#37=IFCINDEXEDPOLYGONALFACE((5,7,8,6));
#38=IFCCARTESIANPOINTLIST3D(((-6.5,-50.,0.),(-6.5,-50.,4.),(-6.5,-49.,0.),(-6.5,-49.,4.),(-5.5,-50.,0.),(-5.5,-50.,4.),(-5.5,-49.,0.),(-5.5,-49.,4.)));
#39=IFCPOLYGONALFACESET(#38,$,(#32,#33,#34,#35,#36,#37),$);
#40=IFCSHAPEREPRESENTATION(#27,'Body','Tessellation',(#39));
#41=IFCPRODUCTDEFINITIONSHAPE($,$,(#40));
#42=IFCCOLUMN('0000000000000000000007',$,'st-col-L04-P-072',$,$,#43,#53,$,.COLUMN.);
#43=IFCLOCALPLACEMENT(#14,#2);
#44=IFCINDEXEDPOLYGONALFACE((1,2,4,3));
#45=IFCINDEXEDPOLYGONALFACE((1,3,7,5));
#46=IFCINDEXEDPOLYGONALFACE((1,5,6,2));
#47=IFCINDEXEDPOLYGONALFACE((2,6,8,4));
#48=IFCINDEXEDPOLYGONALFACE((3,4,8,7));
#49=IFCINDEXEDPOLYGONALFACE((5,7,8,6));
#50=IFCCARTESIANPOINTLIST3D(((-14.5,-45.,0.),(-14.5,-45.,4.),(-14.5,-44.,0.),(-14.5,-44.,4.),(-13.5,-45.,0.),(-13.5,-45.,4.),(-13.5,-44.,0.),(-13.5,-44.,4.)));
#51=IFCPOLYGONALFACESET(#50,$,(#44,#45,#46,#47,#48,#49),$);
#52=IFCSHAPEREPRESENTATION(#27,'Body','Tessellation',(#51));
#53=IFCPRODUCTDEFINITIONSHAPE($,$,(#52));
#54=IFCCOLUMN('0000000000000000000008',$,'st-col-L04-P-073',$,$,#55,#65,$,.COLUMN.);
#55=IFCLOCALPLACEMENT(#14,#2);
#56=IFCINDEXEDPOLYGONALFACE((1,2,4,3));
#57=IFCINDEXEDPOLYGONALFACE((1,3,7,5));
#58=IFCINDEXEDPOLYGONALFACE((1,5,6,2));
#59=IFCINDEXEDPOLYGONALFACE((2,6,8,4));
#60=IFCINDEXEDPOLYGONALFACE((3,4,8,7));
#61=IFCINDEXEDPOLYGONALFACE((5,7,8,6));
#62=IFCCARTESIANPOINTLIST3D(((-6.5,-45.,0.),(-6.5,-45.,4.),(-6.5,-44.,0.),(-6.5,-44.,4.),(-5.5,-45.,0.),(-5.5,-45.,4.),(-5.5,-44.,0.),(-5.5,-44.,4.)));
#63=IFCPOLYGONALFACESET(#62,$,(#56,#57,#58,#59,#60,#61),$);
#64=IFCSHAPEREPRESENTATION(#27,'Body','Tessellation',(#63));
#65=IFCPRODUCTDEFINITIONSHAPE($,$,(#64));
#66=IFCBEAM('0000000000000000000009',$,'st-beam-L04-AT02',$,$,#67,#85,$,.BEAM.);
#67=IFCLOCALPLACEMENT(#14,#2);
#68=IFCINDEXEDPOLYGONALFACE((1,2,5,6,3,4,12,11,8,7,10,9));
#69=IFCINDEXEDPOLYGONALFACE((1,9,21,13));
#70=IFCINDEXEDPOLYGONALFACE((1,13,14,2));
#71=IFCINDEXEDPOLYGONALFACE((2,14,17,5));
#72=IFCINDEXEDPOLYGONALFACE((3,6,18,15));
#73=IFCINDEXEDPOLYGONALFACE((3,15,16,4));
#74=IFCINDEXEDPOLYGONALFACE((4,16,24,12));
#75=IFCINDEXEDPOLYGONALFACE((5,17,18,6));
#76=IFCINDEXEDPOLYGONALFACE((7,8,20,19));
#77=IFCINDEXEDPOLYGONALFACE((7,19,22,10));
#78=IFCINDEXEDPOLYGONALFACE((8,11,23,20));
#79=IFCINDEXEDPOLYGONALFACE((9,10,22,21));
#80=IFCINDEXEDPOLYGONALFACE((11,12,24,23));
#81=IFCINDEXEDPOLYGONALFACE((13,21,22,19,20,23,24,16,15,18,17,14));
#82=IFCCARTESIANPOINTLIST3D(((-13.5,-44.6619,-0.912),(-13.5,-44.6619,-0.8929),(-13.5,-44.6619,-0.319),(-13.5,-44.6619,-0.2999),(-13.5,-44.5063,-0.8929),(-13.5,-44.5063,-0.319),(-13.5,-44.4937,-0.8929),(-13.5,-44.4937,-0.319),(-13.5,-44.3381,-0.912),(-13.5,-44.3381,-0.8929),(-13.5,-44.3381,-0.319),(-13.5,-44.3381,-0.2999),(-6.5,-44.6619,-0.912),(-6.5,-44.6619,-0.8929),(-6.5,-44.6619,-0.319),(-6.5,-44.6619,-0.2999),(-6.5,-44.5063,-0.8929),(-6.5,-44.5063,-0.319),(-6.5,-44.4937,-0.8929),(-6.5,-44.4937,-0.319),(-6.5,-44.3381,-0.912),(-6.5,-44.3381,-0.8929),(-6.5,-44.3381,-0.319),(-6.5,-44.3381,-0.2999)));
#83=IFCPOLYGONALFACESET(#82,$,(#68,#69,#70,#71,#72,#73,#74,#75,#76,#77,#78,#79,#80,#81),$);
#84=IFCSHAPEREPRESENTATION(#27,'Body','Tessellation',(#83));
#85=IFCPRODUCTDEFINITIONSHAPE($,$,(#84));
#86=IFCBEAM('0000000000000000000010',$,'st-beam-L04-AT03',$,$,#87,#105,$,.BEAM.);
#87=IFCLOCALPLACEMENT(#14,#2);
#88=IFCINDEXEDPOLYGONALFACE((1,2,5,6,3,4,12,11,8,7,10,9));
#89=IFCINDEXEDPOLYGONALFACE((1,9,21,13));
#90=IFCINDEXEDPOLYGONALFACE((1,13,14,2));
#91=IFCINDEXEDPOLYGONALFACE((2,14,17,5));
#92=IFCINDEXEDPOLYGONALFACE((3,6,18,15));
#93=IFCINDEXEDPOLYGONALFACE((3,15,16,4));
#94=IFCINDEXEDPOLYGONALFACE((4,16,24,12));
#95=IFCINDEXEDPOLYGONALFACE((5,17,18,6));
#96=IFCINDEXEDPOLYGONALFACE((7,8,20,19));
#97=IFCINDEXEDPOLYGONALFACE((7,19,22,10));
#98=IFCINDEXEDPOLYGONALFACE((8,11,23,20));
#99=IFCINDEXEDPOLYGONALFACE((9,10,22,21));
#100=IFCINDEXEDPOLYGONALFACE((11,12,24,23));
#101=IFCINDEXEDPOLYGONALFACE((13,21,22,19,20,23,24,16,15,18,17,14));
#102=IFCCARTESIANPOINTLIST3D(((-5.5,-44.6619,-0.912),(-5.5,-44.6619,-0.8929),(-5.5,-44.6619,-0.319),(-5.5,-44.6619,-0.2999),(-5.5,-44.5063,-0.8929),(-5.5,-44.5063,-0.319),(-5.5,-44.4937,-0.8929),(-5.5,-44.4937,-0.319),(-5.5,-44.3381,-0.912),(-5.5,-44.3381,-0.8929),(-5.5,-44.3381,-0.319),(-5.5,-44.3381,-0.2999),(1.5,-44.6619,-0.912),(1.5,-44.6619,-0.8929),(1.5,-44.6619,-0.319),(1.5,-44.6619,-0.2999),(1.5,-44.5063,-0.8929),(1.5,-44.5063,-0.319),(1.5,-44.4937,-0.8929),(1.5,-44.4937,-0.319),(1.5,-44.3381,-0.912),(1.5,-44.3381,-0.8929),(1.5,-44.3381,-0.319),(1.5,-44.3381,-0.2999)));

============================================================

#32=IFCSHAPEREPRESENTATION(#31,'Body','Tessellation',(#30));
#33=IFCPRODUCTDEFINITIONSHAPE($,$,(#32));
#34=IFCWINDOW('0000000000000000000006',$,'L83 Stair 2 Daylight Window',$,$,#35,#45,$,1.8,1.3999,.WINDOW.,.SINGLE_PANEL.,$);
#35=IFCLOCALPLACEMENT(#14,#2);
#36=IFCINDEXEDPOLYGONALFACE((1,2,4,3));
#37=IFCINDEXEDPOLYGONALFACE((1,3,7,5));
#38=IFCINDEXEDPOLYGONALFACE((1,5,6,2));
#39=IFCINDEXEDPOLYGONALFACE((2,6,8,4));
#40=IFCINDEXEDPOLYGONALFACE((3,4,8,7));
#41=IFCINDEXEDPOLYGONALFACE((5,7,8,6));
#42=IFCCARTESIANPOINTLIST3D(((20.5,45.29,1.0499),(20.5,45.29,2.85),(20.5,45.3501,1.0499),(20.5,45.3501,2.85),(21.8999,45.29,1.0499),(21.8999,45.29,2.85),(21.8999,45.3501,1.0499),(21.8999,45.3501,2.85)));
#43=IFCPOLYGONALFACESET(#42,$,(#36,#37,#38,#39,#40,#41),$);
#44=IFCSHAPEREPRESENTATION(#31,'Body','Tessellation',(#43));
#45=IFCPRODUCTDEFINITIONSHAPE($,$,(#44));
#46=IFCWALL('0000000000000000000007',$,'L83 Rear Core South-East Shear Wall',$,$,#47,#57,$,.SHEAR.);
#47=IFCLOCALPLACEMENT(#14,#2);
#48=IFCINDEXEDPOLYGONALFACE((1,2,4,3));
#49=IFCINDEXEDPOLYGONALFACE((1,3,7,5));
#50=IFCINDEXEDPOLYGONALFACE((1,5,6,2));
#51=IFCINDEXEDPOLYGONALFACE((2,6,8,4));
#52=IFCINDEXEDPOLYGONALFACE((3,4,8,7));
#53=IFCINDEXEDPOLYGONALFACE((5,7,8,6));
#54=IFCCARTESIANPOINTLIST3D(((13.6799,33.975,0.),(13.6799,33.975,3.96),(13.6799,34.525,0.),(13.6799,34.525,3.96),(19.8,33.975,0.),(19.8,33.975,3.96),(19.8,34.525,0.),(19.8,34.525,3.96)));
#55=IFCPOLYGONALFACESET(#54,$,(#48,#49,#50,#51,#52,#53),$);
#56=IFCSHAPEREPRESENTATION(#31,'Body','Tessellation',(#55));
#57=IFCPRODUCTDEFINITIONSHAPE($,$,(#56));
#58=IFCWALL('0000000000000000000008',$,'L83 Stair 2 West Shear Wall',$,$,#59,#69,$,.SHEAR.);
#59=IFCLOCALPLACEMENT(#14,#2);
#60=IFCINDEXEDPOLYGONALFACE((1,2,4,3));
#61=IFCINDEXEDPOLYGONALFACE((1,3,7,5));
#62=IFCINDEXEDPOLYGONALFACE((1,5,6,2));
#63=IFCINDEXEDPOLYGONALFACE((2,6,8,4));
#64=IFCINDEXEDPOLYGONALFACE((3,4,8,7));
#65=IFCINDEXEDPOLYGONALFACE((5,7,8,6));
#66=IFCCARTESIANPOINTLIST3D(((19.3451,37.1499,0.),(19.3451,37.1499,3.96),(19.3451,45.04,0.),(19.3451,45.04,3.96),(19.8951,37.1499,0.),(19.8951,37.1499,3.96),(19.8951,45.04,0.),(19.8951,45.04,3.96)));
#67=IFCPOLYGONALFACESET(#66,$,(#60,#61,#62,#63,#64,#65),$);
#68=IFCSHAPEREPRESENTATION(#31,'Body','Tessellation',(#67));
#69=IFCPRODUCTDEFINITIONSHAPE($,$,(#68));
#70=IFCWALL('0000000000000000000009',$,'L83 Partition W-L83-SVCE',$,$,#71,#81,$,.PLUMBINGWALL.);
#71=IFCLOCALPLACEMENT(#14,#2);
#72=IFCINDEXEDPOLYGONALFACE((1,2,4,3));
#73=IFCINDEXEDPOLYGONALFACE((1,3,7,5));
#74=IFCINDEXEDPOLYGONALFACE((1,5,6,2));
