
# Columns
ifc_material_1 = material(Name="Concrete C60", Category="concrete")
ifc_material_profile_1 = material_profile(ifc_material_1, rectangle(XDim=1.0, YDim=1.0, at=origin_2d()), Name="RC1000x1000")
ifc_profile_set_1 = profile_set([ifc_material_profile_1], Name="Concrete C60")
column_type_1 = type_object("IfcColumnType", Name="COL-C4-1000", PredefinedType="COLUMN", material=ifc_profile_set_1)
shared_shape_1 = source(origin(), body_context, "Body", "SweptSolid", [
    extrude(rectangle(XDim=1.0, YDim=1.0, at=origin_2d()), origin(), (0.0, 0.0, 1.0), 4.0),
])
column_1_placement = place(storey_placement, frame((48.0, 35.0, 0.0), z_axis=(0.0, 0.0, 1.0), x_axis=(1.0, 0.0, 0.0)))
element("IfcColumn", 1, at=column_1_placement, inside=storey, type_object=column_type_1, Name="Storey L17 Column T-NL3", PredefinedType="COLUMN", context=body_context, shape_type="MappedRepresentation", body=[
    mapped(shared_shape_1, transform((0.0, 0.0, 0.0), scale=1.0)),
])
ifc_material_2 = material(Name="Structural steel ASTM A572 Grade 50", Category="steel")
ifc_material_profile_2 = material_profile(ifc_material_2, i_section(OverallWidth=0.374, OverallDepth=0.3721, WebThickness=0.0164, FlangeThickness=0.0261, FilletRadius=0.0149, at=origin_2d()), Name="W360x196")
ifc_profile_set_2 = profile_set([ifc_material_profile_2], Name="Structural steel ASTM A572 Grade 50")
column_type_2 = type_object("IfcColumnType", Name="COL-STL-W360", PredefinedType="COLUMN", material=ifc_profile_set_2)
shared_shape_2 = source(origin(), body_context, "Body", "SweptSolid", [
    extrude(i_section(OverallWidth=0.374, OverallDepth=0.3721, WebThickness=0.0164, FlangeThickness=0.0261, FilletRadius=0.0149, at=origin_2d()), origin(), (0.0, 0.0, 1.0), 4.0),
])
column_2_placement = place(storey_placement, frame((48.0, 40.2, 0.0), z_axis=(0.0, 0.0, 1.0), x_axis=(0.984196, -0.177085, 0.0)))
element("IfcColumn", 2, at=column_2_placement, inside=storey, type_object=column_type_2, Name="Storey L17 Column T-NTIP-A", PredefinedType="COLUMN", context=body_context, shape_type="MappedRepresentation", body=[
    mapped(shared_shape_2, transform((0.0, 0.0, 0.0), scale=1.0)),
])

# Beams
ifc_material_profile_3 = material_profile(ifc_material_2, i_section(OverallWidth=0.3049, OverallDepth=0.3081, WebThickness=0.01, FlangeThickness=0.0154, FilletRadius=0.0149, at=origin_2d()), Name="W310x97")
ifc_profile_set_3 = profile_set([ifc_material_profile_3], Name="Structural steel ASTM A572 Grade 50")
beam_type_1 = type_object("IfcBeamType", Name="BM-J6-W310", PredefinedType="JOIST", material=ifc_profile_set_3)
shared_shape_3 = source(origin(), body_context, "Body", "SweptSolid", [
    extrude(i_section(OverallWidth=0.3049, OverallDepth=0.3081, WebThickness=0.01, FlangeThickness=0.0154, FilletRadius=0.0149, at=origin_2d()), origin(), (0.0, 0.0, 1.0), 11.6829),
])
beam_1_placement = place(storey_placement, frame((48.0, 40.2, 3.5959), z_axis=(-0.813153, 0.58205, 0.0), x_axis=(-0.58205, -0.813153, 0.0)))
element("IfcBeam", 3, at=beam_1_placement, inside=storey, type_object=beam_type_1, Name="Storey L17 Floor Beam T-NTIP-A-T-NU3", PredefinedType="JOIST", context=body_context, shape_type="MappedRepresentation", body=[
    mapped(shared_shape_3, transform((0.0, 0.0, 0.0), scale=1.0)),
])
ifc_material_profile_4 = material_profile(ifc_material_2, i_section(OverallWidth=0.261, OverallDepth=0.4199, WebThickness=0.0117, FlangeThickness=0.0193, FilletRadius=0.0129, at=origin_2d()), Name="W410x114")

============================================================

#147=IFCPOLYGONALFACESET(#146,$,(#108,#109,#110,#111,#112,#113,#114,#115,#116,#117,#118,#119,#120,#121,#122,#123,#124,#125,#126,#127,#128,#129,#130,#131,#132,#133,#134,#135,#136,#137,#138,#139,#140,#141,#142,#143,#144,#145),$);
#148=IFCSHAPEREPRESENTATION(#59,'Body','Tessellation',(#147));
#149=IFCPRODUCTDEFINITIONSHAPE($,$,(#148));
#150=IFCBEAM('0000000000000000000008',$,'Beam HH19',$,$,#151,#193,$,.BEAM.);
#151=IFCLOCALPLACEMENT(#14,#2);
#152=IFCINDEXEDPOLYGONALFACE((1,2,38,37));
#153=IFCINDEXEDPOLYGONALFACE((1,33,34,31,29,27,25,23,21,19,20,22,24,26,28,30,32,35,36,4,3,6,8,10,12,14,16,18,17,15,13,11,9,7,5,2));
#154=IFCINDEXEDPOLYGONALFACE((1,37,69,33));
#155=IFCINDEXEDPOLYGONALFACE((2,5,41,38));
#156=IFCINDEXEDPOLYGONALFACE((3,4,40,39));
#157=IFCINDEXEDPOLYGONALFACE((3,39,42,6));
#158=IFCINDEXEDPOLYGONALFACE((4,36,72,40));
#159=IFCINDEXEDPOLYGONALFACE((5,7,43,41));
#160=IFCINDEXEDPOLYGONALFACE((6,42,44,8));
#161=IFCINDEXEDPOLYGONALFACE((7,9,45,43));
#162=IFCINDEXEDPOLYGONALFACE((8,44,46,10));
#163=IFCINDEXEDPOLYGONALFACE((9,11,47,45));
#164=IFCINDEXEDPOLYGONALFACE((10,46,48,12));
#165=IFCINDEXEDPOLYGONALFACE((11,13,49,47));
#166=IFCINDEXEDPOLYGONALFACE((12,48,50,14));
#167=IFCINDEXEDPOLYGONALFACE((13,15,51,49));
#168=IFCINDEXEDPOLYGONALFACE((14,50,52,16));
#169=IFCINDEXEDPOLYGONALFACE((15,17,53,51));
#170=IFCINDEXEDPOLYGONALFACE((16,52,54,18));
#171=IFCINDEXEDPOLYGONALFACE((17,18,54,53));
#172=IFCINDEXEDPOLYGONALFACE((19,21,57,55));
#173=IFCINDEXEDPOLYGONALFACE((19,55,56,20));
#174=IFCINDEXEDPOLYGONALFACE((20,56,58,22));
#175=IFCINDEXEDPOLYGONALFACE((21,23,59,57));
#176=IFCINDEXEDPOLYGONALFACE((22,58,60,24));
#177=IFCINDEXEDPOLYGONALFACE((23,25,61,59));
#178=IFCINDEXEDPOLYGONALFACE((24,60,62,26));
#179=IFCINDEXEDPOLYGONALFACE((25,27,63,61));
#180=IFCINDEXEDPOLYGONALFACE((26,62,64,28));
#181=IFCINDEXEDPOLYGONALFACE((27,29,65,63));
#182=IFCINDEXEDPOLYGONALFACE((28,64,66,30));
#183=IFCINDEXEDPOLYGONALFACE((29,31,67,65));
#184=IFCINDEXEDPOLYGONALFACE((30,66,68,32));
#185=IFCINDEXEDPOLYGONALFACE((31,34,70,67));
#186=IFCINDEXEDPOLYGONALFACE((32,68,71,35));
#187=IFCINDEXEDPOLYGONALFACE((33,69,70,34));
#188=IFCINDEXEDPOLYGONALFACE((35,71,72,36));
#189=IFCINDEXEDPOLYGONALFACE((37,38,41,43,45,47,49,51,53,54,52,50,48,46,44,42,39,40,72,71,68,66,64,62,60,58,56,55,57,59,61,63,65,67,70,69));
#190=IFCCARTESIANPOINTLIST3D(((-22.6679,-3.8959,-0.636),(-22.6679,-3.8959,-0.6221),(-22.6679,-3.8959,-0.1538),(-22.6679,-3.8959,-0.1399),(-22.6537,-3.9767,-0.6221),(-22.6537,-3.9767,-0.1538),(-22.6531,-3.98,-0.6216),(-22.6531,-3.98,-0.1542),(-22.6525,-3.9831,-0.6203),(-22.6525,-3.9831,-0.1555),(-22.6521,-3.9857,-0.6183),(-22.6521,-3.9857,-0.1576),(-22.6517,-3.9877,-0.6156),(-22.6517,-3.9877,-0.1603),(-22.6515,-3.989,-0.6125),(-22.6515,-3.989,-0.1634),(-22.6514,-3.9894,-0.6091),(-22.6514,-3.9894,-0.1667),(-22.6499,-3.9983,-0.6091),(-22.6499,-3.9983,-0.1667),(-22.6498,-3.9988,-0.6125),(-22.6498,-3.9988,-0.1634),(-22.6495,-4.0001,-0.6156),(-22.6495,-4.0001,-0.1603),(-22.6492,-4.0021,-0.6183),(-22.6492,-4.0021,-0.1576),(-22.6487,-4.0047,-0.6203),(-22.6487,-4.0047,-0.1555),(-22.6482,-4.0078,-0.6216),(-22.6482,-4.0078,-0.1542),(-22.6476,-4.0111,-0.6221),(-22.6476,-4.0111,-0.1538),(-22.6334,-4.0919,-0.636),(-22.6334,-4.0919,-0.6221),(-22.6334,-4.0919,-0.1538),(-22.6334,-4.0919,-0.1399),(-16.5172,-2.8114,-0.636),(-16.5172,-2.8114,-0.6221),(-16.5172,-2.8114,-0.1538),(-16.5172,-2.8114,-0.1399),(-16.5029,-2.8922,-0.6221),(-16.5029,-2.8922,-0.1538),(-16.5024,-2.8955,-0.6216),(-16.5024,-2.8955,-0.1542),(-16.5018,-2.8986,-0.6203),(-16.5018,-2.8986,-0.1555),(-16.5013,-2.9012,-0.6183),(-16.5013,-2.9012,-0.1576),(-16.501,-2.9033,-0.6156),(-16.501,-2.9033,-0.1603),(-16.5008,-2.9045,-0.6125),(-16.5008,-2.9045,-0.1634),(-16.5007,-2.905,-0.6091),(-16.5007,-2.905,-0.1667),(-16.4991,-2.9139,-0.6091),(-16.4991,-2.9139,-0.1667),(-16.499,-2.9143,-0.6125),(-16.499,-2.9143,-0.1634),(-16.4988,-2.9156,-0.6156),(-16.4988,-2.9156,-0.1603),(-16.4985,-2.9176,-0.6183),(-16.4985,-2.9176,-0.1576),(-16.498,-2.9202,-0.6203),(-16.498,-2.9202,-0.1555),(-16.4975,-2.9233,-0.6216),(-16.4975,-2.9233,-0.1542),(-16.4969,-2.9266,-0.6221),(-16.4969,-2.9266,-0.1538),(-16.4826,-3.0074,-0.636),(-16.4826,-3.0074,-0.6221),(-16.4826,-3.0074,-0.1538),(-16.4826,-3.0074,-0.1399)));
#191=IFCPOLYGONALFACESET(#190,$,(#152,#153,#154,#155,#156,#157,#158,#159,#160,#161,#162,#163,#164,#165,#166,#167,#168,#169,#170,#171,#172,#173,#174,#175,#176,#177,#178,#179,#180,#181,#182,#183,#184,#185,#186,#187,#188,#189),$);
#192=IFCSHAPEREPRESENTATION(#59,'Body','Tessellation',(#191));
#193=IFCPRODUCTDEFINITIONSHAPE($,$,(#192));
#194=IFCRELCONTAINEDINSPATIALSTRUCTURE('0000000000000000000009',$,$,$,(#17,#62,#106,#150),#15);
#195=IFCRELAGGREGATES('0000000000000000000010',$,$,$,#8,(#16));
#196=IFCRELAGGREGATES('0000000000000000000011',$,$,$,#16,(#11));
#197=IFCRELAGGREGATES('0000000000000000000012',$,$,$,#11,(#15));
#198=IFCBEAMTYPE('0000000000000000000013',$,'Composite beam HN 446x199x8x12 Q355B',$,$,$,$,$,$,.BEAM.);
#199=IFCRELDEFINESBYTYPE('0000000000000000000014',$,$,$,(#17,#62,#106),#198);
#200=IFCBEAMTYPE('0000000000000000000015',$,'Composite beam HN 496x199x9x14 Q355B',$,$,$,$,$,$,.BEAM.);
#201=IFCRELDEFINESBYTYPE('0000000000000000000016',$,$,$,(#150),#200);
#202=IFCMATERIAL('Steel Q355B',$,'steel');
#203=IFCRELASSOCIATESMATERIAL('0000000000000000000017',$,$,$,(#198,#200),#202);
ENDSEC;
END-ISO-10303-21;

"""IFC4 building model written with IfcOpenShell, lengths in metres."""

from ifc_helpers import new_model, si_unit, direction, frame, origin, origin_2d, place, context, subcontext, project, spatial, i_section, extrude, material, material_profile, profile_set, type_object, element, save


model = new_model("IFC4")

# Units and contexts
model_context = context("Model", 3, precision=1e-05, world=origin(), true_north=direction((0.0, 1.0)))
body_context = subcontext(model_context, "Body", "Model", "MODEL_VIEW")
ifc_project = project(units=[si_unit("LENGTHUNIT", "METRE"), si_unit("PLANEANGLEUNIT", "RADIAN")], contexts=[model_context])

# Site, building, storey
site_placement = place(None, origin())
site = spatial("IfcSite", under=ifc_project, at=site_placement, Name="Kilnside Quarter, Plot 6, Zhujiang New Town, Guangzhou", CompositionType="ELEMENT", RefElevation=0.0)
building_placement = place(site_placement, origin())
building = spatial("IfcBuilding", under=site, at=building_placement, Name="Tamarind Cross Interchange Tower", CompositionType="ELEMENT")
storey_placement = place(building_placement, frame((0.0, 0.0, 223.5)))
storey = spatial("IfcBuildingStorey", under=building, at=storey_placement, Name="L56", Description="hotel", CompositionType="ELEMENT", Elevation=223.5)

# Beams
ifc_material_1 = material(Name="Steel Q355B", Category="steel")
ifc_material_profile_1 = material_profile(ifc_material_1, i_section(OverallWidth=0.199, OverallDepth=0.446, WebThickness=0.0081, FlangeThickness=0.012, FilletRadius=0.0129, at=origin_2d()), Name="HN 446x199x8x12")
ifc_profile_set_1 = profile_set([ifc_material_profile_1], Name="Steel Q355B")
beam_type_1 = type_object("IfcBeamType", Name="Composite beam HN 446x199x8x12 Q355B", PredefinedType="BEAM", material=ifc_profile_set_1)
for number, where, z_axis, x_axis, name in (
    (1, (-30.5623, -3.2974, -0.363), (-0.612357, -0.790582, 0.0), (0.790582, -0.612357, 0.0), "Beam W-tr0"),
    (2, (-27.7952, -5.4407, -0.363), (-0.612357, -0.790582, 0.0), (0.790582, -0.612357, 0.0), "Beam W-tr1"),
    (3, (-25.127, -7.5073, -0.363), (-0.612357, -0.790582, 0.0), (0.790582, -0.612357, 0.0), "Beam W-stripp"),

============================================================

Your task:
Please transcribe only the lines in the records above running from the line that has "#37=IFCINDEXEDPOLYGONALFACE((5,7,8,6));" through the line that has "#67=IFCLOCALPLACEMENT(#14,#2);", both included, exactly as they appear.

Exercise answer:
#37=IFCINDEXEDPOLYGONALFACE((5,7,8,6));
#38=IFCCARTESIANPOINTLIST3D(((-6.5,-50.,0.),(-6.5,-50.,4.),(-6.5,-49.,0.),(-6.5,-49.,4.),(-5.5,-50.,0.),(-5.5,-50.,4.),(-5.5,-49.,0.),(-5.5,-49.,4.)));
#39=IFCPOLYGONALFACESET(#38,$,(#32,#33,#34,#35,#36,#37),$);
#40=IFCSHAPEREPRESENTATION(#27,'Body','Tessellation',(#39));
#41=IFCPRODUCTDEFINITIONSHAPE($,$,(#40));
#42=IFCCOLUMN('0000000000000000000007',$,'st-col-L04-P-072',$,$,#43,#53,$,.COLUMN.);
#43=IFCLOCALPLACEMENT(#14,#2);
#44=IFCINDEXEDPOLYGONALFACE((1,2,4,3));
#45=IFCINDEXEDPOLYGONALFACE((1,3,7,5));
#46=IFCINDEXEDPOLYGONALFACE((1,5,6,2));
#47=IFCINDEXEDPOLYGONALFACE((2,6,8,4));
#48=IFCINDEXEDPOLYGONALFACE((3,4,8,7));
#49=IFCINDEXEDPOLYGONALFACE((5,7,8,6));
#50=IFCCARTESIANPOINTLIST3D(((-14.5,-45.,0.),(-14.5,-45.,4.),(-14.5,-44.,0.),(-14.5,-44.,4.),(-13.5,-45.,0.),(-13.5,-45.,4.),(-13.5,-44.,0.),(-13.5,-44.,4.)));
#51=IFCPOLYGONALFACESET(#50,$,(#44,#45,#46,#47,#48,#49),$);
#52=IFCSHAPEREPRESENTATION(#27,'Body','Tessellation',(#51));
#53=IFCPRODUCTDEFINITIONSHAPE($,$,(#52));
#54=IFCCOLUMN('0000000000000000000008',$,'st-col-L04-P-073',$,$,#55,#65,$,.COLUMN.);
#55=IFCLOCALPLACEMENT(#14,#2);
#56=IFCINDEXEDPOLYGONALFACE((1,2,4,3));
#57=IFCINDEXEDPOLYGONALFACE((1,3,7,5));
#58=IFCINDEXEDPOLYGONALFACE((1,5,6,2));
#59=IFCINDEXEDPOLYGONALFACE((2,6,8,4));
#60=IFCINDEXEDPOLYGONALFACE((3,4,8,7));
#61=IFCINDEXEDPOLYGONALFACE((5,7,8,6));
#62=IFCCARTESIANPOINTLIST3D(((-6.5,-45.,0.),(-6.5,-45.,4.),(-6.5,-44.,0.),(-6.5,-44.,4.),(-5.5,-45.,0.),(-5.5,-45.,4.),(-5.5,-44.,0.),(-5.5,-44.,4.)));
#63=IFCPOLYGONALFACESET(#62,$,(#56,#57,#58,#59,#60,#61),$);
#64=IFCSHAPEREPRESENTATION(#27,'Body','Tessellation',(#63));
#65=IFCPRODUCTDEFINITIONSHAPE($,$,(#64));
#66=IFCBEAM('0000000000000000000009',$,'st-beam-L04-AT02',$,$,#67,#85,$,.BEAM.);
#67=IFCLOCALPLACEMENT(#14,#2);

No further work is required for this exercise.